## Stored data entries
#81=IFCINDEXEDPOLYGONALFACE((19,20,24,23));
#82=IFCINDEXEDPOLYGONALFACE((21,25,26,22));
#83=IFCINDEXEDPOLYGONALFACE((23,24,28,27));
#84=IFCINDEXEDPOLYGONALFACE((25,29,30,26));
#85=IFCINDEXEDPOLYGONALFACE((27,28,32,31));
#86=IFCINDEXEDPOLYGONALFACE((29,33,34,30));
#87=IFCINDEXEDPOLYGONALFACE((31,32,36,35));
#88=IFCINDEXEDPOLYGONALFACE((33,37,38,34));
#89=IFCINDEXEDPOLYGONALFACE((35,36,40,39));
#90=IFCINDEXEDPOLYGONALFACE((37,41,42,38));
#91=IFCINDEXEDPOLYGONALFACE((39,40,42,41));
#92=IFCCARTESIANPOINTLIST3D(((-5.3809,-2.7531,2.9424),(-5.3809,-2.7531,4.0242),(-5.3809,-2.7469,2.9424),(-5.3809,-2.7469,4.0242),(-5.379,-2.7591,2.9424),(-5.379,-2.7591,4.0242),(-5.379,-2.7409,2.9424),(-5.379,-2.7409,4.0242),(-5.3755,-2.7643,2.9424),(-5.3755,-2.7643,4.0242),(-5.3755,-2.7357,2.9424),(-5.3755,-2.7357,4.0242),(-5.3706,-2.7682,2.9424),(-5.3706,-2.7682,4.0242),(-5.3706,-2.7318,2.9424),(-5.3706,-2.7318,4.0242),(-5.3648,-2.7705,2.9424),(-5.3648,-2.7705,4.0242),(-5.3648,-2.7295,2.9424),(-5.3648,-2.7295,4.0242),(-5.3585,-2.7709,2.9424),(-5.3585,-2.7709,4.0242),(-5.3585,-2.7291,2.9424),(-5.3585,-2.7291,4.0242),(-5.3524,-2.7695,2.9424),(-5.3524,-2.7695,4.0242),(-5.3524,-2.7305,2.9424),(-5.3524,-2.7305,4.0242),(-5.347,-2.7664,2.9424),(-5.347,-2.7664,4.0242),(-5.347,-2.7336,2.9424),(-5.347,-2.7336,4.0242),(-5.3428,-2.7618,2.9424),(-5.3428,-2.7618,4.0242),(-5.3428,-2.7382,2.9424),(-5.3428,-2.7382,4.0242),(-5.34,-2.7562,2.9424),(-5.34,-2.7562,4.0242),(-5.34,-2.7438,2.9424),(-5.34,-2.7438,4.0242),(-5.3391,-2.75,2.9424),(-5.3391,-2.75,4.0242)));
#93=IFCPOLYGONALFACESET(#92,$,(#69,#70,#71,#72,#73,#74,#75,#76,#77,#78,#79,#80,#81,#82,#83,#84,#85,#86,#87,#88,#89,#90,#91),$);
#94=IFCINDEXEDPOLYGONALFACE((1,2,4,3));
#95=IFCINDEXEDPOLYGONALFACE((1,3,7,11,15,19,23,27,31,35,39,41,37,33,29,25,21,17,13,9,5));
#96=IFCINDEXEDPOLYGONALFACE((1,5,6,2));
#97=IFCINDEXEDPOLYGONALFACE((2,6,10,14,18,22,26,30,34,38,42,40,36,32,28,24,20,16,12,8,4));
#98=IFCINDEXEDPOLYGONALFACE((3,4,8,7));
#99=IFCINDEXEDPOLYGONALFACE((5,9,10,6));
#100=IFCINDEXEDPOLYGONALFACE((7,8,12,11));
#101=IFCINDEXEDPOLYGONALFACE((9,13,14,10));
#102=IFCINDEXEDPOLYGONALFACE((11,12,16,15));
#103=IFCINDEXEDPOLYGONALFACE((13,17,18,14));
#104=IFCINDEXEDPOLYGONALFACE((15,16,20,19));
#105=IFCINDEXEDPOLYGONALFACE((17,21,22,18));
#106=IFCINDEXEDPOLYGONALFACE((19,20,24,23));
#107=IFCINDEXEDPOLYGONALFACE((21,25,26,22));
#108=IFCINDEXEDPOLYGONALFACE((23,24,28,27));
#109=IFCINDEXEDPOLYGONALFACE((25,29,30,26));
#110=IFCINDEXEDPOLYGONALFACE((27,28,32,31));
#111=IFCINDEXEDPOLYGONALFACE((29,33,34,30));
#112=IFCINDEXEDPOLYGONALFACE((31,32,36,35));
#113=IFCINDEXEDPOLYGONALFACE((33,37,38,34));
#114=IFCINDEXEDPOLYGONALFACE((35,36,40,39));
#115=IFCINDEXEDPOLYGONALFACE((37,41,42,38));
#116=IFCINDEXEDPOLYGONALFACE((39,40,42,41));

## PROBLEM DESCRIPTION
Please return only the lines above, starting at the line that has "#100=IFCINDEXEDPOLYGONALFACE((7,8,12,11));" and ending at the line that has "#106=IFCINDEXEDPOLYGONALFACE((19,20,24,23));", keeping both and leaving each one unchanged.

## FINISHED TASK
#100=IFCINDEXEDPOLYGONALFACE((7,8,12,11));
#101=IFCINDEXEDPOLYGONALFACE((9,13,14,10));
#102=IFCINDEXEDPOLYGONALFACE((11,12,16,15));
#103=IFCINDEXEDPOLYGONALFACE((13,17,18,14));
#104=IFCINDEXEDPOLYGONALFACE((15,16,20,19));
#105=IFCINDEXEDPOLYGONALFACE((17,21,22,18));
#106=IFCINDEXEDPOLYGONALFACE((19,20,24,23));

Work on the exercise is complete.